Brief:
Using the listing below, retype exactly the lines starting at the one with "#149=IFCPRODUCTDEFINITIONSHAPE($,$,(#148));" and ending at the one with "#160=IFCSHAPEREPRESENTATION(#27,'Body','Tessellation',(#159));", and include both.

Records:
((
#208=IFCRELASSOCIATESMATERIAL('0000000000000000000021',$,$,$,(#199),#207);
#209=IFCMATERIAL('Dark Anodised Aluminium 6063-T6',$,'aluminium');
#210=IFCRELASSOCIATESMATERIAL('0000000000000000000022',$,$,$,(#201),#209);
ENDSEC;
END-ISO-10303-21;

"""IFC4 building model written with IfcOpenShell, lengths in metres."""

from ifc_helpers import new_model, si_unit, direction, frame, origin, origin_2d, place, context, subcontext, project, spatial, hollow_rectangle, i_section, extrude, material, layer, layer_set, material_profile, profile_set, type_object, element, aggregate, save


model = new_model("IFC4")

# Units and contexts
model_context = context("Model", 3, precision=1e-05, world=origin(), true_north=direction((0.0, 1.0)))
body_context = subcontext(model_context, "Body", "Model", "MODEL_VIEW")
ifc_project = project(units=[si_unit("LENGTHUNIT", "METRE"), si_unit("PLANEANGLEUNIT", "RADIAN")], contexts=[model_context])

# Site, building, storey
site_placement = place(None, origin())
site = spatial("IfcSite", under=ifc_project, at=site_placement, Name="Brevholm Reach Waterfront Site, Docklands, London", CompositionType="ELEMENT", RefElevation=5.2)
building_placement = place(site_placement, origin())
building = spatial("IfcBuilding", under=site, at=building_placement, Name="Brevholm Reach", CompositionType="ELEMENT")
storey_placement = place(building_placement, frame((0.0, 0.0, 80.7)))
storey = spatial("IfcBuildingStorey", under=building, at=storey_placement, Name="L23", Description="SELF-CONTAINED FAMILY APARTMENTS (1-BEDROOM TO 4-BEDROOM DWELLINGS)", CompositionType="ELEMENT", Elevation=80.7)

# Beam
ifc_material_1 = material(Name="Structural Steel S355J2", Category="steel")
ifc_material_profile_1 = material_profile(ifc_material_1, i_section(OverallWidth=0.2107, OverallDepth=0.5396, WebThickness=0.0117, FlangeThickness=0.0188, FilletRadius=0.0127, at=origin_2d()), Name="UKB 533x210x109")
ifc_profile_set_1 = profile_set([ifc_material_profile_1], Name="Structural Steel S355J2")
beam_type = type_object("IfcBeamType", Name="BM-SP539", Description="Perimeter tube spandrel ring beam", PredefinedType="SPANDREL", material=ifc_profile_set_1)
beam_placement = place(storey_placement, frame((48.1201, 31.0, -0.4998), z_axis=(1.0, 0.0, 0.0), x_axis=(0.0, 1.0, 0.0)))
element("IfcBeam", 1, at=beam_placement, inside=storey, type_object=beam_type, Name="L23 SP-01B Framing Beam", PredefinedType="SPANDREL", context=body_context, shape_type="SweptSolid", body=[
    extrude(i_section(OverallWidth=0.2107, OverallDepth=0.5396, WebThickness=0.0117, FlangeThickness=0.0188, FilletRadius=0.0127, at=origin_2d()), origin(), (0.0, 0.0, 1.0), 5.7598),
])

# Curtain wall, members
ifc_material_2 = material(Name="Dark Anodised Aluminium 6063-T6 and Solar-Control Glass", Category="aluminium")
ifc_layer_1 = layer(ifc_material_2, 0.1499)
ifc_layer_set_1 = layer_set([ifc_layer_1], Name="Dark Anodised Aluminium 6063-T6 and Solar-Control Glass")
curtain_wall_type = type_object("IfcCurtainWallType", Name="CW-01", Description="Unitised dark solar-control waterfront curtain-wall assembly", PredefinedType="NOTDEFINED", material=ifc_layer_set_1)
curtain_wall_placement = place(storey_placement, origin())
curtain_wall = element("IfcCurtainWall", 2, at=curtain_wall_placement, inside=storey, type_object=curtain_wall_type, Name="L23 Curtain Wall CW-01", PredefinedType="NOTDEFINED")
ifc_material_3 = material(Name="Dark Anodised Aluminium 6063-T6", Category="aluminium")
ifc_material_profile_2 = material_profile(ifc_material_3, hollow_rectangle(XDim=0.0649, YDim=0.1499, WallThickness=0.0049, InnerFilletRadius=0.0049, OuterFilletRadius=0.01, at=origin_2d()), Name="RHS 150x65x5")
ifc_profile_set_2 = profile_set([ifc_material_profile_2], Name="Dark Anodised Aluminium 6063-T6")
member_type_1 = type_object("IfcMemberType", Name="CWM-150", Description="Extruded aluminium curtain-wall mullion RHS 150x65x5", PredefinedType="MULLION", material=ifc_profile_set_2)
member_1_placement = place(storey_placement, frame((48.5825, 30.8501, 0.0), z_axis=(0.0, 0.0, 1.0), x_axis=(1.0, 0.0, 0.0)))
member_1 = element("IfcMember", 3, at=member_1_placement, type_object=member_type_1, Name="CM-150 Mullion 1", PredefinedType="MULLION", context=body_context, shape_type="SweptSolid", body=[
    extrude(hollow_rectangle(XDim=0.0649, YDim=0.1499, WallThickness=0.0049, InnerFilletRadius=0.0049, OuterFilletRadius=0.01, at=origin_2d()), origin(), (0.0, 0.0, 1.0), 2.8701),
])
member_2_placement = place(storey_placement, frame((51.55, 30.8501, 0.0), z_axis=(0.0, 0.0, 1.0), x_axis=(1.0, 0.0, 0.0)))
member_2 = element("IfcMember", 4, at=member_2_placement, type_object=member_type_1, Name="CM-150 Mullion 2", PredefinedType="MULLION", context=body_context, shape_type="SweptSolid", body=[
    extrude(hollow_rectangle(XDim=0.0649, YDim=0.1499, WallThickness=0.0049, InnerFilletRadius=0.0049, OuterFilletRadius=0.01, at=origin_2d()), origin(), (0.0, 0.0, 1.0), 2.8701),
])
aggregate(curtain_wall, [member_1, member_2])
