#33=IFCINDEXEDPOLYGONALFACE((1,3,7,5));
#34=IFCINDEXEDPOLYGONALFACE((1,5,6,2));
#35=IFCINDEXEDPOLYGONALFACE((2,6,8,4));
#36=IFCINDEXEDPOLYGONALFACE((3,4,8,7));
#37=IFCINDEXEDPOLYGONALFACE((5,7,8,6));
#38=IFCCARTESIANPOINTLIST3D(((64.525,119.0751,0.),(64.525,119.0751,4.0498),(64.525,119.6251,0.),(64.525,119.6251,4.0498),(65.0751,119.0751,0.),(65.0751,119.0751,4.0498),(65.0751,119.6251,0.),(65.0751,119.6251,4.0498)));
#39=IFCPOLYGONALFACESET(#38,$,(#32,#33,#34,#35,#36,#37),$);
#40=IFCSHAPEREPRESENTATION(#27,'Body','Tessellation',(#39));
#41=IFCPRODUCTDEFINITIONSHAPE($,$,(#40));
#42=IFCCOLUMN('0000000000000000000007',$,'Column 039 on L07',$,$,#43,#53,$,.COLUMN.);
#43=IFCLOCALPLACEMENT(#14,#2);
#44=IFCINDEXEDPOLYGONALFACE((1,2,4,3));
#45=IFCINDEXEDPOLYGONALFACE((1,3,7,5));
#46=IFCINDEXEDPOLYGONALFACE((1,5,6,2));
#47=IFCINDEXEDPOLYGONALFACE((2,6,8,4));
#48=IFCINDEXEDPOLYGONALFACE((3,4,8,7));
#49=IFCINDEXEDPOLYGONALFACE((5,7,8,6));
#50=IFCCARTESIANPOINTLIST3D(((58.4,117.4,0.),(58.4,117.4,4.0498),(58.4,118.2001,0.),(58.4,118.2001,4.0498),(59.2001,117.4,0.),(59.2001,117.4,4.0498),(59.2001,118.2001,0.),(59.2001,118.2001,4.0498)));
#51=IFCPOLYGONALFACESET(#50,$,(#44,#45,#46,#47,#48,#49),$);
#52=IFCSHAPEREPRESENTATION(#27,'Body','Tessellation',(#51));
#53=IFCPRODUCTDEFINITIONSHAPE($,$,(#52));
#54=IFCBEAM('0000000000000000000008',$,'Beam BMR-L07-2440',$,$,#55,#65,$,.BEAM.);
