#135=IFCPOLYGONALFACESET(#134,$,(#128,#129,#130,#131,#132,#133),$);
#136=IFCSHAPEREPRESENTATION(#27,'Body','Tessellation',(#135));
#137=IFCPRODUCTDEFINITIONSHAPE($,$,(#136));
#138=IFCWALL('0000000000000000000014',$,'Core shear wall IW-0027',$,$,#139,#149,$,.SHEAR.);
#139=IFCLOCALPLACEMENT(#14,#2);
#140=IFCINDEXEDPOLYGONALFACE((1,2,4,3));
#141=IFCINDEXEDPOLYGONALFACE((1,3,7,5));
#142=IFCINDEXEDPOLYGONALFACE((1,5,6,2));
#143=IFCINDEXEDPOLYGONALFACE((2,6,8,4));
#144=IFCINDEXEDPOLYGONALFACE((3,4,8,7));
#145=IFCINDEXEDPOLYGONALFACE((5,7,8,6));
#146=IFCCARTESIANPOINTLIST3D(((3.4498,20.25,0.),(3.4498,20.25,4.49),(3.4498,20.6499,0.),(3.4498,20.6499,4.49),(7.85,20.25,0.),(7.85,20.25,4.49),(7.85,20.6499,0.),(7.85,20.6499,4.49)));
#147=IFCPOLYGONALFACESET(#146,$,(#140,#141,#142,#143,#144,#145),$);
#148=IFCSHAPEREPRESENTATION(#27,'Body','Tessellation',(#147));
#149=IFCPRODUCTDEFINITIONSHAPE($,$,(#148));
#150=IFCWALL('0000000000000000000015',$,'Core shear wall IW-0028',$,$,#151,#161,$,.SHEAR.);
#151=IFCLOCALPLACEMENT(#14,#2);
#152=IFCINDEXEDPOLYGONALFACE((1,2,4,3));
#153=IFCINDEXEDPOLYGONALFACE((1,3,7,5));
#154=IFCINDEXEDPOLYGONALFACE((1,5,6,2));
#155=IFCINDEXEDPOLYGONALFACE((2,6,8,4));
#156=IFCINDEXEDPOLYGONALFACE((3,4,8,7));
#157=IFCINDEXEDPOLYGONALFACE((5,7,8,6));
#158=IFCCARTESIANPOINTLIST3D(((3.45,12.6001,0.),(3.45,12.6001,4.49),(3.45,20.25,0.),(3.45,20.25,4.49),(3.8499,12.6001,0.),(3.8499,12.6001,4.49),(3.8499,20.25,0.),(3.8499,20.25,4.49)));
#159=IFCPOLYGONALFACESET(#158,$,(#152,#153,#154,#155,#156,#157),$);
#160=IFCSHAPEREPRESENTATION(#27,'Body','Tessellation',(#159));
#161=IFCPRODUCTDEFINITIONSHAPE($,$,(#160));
))
Response to this exercise:
#149=IFCPRODUCTDEFINITIONSHAPE($,$,(#148));
#150=IFCWALL('0000000000000000000015',$,'Core shear wall IW-0028',$,$,#151,#161,$,.SHEAR.);
#151=IFCLOCALPLACEMENT(#14,#2);
#152=IFCINDEXEDPOLYGONALFACE((1,2,4,3));
#153=IFCINDEXEDPOLYGONALFACE((1,3,7,5));
#154=IFCINDEXEDPOLYGONALFACE((1,5,6,2));
#155=IFCINDEXEDPOLYGONALFACE((2,6,8,4));
#156=IFCINDEXEDPOLYGONALFACE((3,4,8,7));
#157=IFCINDEXEDPOLYGONALFACE((5,7,8,6));
#158=IFCCARTESIANPOINTLIST3D(((3.45,12.6001,0.),(3.45,12.6001,4.49),(3.45,20.25,0.),(3.45,20.25,4.49),(3.8499,12.6001,0.),(3.8499,12.6001,4.49),(3.8499,20.25,0.),(3.8499,20.25,4.49)));
#159=IFCPOLYGONALFACESET(#158,$,(#152,#153,#154,#155,#156,#157),$);
#160=IFCSHAPEREPRESENTATION(#27,'Body','Tessellation',(#159));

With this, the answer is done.